━━━━━ EXERCISE MATERIAL ━━━━━
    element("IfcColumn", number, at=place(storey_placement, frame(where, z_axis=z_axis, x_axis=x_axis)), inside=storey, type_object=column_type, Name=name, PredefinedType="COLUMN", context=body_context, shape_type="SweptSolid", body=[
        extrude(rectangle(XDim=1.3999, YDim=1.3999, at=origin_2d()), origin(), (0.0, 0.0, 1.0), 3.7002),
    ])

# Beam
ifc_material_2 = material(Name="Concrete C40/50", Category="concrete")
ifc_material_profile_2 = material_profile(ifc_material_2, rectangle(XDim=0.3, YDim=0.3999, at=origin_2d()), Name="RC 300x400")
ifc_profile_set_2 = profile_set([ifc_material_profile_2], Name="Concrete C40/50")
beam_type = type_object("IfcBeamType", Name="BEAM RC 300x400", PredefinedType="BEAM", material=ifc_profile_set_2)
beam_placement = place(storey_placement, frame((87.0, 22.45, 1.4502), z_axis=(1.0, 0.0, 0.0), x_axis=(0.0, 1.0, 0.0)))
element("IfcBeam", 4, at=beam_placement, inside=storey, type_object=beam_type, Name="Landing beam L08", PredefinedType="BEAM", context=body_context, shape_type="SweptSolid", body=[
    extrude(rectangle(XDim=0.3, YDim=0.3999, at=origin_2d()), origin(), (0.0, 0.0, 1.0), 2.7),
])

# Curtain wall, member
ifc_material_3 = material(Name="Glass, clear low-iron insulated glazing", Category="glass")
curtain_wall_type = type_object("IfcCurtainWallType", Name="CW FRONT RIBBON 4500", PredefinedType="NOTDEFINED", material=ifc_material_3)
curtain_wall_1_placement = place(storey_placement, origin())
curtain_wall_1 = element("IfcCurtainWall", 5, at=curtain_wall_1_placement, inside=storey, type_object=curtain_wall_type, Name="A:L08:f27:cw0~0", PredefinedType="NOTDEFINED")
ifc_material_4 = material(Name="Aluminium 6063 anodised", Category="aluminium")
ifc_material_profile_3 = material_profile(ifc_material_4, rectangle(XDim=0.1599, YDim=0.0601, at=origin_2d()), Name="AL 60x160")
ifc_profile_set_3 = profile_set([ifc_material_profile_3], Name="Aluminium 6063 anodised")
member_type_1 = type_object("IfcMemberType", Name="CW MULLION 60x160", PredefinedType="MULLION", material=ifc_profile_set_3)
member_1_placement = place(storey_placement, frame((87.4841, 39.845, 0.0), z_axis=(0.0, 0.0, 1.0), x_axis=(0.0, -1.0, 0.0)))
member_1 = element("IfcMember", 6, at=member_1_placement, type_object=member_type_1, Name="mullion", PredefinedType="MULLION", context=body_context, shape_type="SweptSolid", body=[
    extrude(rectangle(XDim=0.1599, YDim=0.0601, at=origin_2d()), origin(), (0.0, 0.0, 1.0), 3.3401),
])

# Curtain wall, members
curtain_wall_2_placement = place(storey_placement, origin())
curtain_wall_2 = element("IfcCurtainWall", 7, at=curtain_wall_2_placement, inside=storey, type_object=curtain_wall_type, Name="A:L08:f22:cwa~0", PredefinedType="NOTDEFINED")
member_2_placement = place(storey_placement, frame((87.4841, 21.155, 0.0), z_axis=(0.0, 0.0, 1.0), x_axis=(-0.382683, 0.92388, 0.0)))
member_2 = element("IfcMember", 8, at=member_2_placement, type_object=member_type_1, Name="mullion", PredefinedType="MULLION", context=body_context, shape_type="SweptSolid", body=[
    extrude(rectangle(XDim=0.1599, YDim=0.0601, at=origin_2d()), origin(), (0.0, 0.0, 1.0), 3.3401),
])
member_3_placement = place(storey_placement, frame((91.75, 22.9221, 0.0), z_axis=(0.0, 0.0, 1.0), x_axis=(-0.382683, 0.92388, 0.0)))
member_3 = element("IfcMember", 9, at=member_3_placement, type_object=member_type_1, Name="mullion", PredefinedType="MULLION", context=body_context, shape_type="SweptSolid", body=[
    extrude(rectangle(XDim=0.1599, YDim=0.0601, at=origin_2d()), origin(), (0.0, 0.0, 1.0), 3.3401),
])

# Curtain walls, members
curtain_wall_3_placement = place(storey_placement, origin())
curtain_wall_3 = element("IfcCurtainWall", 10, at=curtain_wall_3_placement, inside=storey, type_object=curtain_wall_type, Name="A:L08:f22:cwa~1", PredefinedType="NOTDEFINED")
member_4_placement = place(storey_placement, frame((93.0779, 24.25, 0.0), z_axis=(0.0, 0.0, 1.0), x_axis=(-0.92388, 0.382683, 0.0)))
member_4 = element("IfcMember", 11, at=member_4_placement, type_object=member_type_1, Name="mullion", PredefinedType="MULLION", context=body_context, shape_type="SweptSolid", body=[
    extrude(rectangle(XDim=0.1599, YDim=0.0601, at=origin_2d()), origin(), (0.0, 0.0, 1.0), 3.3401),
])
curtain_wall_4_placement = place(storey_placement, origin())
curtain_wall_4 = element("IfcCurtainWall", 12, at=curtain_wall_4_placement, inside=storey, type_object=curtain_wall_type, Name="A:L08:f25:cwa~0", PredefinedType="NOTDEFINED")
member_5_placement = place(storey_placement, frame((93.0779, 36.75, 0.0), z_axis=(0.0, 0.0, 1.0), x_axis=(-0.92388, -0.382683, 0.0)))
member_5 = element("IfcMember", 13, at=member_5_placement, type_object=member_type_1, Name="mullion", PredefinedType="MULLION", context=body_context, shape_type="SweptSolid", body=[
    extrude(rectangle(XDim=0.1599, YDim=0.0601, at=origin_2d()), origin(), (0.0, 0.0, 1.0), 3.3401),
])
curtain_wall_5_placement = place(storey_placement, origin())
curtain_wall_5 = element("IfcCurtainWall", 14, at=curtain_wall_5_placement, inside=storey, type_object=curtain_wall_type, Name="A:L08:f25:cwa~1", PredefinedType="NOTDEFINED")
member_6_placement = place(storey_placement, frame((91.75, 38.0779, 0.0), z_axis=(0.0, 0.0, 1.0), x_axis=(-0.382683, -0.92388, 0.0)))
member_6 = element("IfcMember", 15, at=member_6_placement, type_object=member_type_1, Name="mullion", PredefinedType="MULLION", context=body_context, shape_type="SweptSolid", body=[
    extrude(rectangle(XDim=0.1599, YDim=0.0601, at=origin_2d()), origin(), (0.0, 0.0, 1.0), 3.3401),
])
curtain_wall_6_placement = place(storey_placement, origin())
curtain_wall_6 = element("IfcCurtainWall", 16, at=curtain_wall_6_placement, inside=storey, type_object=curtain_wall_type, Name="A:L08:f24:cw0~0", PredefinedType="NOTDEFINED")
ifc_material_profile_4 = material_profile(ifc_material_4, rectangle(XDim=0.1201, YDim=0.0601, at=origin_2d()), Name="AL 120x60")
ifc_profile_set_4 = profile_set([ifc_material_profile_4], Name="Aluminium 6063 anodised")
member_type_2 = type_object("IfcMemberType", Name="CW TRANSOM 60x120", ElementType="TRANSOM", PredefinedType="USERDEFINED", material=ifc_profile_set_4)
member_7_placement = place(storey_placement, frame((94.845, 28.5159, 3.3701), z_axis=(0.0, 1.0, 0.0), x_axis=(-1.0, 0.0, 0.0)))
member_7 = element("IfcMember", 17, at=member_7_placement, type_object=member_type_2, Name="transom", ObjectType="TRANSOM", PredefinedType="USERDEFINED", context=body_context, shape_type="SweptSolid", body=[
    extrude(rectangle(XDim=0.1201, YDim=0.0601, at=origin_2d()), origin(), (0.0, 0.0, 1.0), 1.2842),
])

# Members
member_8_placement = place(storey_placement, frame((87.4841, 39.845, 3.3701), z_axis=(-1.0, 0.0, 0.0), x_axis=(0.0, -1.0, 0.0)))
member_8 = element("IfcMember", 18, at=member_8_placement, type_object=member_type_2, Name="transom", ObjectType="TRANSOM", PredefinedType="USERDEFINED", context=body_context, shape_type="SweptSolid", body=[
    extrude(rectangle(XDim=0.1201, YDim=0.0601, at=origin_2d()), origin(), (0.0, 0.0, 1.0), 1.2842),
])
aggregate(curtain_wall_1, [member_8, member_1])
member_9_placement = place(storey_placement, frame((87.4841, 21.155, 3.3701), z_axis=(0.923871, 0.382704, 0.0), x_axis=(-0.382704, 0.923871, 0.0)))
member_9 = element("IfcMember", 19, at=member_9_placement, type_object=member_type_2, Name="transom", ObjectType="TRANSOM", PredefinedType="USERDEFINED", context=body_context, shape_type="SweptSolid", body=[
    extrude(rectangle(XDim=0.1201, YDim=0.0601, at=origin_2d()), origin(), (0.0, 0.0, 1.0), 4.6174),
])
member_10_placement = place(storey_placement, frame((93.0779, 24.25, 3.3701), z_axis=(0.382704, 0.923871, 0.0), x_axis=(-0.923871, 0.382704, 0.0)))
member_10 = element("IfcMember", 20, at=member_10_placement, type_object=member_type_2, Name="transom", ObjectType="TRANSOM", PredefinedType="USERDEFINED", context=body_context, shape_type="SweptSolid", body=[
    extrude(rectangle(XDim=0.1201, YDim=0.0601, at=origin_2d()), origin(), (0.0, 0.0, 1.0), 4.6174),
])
━━━━━
*WHAT THE TASK REQUIRES*: Check each line of the entries for the string "anodised". Copy the lines that have it.

*ANSWER FOR THE TASK*:
ifc_material_4 = material(Name="Aluminium 6063 anodised", Category="aluminium")
ifc_profile_set_3 = profile_set([ifc_material_profile_3], Name="Aluminium 6063 anodised")
ifc_profile_set_4 = profile_set([ifc_material_profile_4], Name="Aluminium 6063 anodised")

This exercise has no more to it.